SOURCE MATERIAL:
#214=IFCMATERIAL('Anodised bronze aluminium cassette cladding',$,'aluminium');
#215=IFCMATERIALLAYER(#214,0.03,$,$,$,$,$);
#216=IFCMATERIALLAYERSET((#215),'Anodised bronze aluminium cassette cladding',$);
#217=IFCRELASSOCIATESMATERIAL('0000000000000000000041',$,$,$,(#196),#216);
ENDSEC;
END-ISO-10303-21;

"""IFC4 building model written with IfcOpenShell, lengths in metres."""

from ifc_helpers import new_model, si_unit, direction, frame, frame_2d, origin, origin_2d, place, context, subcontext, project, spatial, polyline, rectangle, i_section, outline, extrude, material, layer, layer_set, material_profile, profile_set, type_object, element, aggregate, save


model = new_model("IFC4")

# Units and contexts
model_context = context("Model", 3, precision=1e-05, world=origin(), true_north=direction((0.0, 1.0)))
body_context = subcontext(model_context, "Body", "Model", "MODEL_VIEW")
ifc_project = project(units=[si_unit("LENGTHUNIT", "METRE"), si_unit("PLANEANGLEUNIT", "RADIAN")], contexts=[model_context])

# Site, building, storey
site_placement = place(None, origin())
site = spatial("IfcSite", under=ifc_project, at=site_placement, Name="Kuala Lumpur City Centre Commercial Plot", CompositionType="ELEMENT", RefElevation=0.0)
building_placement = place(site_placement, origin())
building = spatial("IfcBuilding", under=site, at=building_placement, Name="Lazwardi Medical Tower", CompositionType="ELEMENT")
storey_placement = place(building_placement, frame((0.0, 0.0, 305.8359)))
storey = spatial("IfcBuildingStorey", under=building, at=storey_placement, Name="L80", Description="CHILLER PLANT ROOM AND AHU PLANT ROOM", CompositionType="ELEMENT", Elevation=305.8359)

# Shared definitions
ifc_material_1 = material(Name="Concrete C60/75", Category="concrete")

EXERCISE BRIEF: Print the whole listing exactly as it is.

TASK RESULT:
#214=IFCMATERIAL('Anodised bronze aluminium cassette cladding',$,'aluminium');
#215=IFCMATERIALLAYER(#214,0.03,$,$,$,$,$);
#216=IFCMATERIALLAYERSET((#215),'Anodised bronze aluminium cassette cladding',$);
#217=IFCRELASSOCIATESMATERIAL('0000000000000000000041',$,$,$,(#196),#216);
ENDSEC;
END-ISO-10303-21;

"""IFC4 building model written with IfcOpenShell, lengths in metres."""

from ifc_helpers import new_model, si_unit, direction, frame, frame_2d, origin, origin_2d, place, context, subcontext, project, spatial, polyline, rectangle, i_section, outline, extrude, material, layer, layer_set, material_profile, profile_set, type_object, element, aggregate, save


model = new_model("IFC4")

# Units and contexts
model_context = context("Model", 3, precision=1e-05, world=origin(), true_north=direction((0.0, 1.0)))
body_context = subcontext(model_context, "Body", "Model", "MODEL_VIEW")
ifc_project = project(units=[si_unit("LENGTHUNIT", "METRE"), si_unit("PLANEANGLEUNIT", "RADIAN")], contexts=[model_context])

# Site, building, storey
site_placement = place(None, origin())
site = spatial("IfcSite", under=ifc_project, at=site_placement, Name="Kuala Lumpur City Centre Commercial Plot", CompositionType="ELEMENT", RefElevation=0.0)
building_placement = place(site_placement, origin())
building = spatial("IfcBuilding", under=site, at=building_placement, Name="Lazwardi Medical Tower", CompositionType="ELEMENT")
storey_placement = place(building_placement, frame((0.0, 0.0, 305.8359)))
storey = spatial("IfcBuildingStorey", under=building, at=storey_placement, Name="L80", Description="CHILLER PLANT ROOM AND AHU PLANT ROOM", CompositionType="ELEMENT", Elevation=305.8359)

# Shared definitions
ifc_material_1 = material(Name="Concrete C60/75", Category="concrete")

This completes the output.